DATA FOR PROCESSING.
--------------------

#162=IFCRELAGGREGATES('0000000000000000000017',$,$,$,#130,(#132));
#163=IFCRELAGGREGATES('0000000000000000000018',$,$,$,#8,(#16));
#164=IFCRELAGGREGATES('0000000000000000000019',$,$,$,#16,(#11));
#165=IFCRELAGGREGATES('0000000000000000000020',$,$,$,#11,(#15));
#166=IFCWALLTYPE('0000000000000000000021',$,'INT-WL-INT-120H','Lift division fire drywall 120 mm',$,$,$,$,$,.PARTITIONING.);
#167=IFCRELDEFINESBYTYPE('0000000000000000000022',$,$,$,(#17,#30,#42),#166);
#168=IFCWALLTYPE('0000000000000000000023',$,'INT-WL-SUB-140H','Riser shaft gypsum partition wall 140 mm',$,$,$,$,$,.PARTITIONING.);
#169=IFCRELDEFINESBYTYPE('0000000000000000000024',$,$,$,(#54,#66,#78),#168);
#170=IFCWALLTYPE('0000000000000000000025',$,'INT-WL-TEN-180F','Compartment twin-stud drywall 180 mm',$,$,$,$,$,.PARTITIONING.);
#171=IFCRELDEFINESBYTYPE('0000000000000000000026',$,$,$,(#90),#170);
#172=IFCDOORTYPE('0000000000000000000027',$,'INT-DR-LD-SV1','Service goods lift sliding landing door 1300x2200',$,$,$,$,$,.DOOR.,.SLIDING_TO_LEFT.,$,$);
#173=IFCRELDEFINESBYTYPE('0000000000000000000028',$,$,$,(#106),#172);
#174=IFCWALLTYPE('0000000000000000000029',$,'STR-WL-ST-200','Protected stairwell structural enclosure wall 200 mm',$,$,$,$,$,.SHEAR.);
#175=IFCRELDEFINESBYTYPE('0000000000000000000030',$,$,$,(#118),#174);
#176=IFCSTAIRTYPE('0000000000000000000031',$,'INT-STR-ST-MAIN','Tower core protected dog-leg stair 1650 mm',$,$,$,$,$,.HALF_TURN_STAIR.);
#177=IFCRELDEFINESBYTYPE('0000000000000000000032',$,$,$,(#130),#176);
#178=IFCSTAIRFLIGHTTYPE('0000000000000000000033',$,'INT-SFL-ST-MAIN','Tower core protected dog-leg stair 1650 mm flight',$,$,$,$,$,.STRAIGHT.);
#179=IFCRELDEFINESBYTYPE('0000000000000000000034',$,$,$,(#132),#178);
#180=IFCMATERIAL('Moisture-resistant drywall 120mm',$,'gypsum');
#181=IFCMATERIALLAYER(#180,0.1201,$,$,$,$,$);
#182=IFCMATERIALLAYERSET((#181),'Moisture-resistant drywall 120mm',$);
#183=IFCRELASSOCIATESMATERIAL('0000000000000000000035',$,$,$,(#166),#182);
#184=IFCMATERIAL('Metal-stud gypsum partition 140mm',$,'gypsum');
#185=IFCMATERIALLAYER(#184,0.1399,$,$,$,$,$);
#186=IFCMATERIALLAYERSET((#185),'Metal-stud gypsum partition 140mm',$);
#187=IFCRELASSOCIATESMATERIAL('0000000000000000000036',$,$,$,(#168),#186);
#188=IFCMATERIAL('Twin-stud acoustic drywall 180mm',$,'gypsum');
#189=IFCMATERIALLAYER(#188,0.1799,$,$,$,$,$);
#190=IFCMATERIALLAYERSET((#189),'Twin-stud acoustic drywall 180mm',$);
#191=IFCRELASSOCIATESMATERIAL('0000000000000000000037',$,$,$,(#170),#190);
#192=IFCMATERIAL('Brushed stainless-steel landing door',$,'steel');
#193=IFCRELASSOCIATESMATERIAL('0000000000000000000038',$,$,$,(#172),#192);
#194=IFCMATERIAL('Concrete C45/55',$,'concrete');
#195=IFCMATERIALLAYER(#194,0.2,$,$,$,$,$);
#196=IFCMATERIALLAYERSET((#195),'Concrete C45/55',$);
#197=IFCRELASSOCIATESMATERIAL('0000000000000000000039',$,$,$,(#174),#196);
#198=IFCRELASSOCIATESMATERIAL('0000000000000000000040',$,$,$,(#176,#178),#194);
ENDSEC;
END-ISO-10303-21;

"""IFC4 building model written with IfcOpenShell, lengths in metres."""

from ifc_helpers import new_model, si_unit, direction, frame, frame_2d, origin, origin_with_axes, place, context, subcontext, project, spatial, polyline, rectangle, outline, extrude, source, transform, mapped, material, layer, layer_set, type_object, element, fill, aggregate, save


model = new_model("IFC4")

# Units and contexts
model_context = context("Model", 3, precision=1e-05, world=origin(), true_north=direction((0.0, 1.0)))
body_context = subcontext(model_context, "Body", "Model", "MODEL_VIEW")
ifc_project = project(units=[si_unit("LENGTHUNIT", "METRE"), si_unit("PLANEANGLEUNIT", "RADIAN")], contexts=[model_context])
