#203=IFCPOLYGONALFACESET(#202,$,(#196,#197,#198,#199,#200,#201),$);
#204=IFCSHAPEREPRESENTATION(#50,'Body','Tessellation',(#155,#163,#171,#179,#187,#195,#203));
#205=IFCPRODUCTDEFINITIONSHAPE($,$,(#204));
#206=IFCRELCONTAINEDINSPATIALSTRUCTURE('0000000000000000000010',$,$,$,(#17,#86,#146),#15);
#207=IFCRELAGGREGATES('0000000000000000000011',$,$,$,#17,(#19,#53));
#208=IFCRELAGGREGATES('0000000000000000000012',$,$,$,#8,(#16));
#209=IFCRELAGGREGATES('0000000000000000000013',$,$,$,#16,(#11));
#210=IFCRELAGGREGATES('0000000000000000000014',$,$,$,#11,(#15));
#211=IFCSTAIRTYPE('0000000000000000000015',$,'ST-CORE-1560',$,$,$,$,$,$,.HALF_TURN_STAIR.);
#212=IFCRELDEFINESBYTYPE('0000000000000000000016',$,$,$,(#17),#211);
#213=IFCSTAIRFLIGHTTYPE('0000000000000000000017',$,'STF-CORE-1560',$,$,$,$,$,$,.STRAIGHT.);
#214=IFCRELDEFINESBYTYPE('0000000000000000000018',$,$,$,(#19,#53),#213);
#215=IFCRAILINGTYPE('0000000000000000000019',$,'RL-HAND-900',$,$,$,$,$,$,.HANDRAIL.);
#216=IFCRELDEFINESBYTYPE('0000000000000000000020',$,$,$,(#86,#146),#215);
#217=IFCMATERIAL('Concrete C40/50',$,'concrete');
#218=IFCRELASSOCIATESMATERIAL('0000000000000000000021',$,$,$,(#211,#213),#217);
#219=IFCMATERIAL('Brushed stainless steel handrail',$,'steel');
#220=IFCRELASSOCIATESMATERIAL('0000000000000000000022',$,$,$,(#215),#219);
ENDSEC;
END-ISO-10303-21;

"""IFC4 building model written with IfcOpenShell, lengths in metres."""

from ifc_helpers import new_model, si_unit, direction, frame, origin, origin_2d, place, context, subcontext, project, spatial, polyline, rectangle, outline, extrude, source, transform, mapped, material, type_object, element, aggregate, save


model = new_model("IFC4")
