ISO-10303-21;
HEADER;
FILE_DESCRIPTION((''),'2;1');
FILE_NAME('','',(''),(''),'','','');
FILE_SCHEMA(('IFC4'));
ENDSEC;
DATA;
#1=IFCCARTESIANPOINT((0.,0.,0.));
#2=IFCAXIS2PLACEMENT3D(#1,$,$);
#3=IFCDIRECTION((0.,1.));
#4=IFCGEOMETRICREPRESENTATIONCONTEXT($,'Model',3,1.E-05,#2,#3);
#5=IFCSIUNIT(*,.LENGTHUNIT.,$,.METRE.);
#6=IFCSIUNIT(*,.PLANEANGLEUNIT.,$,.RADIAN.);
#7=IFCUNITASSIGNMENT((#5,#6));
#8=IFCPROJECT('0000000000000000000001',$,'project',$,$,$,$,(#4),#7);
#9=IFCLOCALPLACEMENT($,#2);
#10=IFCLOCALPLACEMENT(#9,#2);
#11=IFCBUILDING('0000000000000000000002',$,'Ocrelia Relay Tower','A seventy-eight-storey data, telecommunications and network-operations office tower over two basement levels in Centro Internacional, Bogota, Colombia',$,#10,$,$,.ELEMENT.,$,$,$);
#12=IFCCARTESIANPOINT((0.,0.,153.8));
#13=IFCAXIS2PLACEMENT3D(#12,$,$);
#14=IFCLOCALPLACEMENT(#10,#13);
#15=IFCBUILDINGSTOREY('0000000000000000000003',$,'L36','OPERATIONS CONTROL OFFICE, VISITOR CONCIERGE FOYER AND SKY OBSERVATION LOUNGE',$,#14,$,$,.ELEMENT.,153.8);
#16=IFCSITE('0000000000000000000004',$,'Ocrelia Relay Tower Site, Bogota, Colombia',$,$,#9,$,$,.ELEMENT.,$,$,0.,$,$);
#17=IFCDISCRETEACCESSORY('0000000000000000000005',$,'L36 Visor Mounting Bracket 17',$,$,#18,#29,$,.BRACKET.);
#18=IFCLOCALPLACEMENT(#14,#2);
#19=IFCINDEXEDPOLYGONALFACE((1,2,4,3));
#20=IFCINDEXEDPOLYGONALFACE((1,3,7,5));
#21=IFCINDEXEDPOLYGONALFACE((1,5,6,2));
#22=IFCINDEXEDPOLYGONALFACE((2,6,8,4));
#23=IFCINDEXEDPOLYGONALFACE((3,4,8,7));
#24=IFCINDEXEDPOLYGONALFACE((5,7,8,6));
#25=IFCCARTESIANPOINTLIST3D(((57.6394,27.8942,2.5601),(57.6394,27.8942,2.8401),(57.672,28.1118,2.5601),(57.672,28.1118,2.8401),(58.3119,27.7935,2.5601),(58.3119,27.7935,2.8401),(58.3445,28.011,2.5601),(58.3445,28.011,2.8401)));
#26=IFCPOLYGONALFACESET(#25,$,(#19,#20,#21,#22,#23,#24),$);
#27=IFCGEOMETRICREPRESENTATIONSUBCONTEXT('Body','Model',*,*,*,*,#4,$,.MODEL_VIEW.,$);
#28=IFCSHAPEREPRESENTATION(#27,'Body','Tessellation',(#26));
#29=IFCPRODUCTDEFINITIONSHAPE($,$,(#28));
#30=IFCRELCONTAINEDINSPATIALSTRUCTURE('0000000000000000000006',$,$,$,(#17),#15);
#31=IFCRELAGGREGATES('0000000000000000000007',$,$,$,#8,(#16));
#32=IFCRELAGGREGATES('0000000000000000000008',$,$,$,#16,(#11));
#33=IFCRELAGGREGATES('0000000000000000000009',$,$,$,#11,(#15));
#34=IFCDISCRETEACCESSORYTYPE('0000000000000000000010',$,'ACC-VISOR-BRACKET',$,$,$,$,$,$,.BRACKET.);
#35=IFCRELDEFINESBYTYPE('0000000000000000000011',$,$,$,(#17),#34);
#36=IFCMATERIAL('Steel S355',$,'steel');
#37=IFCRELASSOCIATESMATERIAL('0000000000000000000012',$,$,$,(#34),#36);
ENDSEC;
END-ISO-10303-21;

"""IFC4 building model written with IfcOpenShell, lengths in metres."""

from ifc_helpers import new_model, si_unit, direction, frame, origin, origin_2d, place, context, subcontext, project, spatial, rectangle, extrude, material, type_object, element, save


model = new_model("IFC4")

# Units and contexts
model_context = context("Model", 3, precision=1e-05, world=origin(), true_north=direction((0.0, 1.0)))
body_context = subcontext(model_context, "Body", "Model", "MODEL_VIEW")
ifc_project = project(units=[si_unit("LENGTHUNIT", "METRE"), si_unit("PLANEANGLEUNIT", "RADIAN")], contexts=[model_context])

# Site, building, storey
site_placement = place(None, origin())
site = spatial("IfcSite", under=ifc_project, at=site_placement, Name="Ocrelia Relay Tower Site, Bogota, Colombia", CompositionType="ELEMENT", RefElevation=0.0)
building_placement = place(site_placement, origin())
building = spatial("IfcBuilding", under=site, at=building_placement, Name="Ocrelia Relay Tower", Description="A seventy-eight-storey data, telecommunications and network-operations office tower over two basement levels in Centro Internacional, Bogota, Colombia", CompositionType="ELEMENT")
storey_placement = place(building_placement, frame((0.0, 0.0, 153.8)))
storey = spatial("IfcBuildingStorey", under=building, at=storey_placement, Name="L36", Description="OPERATIONS CONTROL OFFICE, VISITOR CONCIERGE FOYER AND SKY OBSERVATION LOUNGE", CompositionType="ELEMENT", Elevation=153.8)

# Shared definitions
ifc_material_1 = material(Name="Steel S355", Category="steel")

# Discrete accessory
discrete_accessory_type = type_object("IfcDiscreteAccessoryType", Name="ACC-VISOR-BRACKET", PredefinedType="BRACKET", material=ifc_material_1)
for number, where, z_axis, x_axis, name in (
    (1, (57.9919, 27.9526, 2.5601), (0.0, 0.0, 1.0), (0.148144, 0.988966, 0.0), "L36 Visor Mounting Bracket 17"),
):
    element("IfcDiscreteAccessory", number, at=place(storey_placement, frame(where, z_axis=z_axis, x_axis=x_axis)), inside=storey, type_object=discrete_accessory_type, Name=name, PredefinedType="BRACKET", context=body_context, shape_type="SweptSolid", body=[
        extrude(rectangle(XDim=0.22, YDim=0.6799, at=origin_2d()), origin(), (0.0, 0.0, 1.0), 0.28),
    ])

save(model, "model.ifc")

--------------------

TASK DIRECTIONS.
Quote the data above from the line containing "#14=IFCLOCALPLACEMENT(#10,#13);" to the line containing "#16=IFCSITE('0000000000000000000004',$,'Ocrelia Relay Tower", inclusive, and stop.

ANSWER AREA.
#14=IFCLOCALPLACEMENT(#10,#13);
#15=IFCBUILDINGSTOREY('0000000000000000000003',$,'L36','OPERATIONS CONTROL OFFICE, VISITOR CONCIERGE FOYER AND SKY OBSERVATION LOUNGE',$,#14,$,$,.ELEMENT.,153.8);
#16=IFCSITE('0000000000000000000004',$,'Ocrelia Relay Tower Site, Bogota, Colombia',$,$,#9,$,$,.ELEMENT.,$,$,0.,$,$);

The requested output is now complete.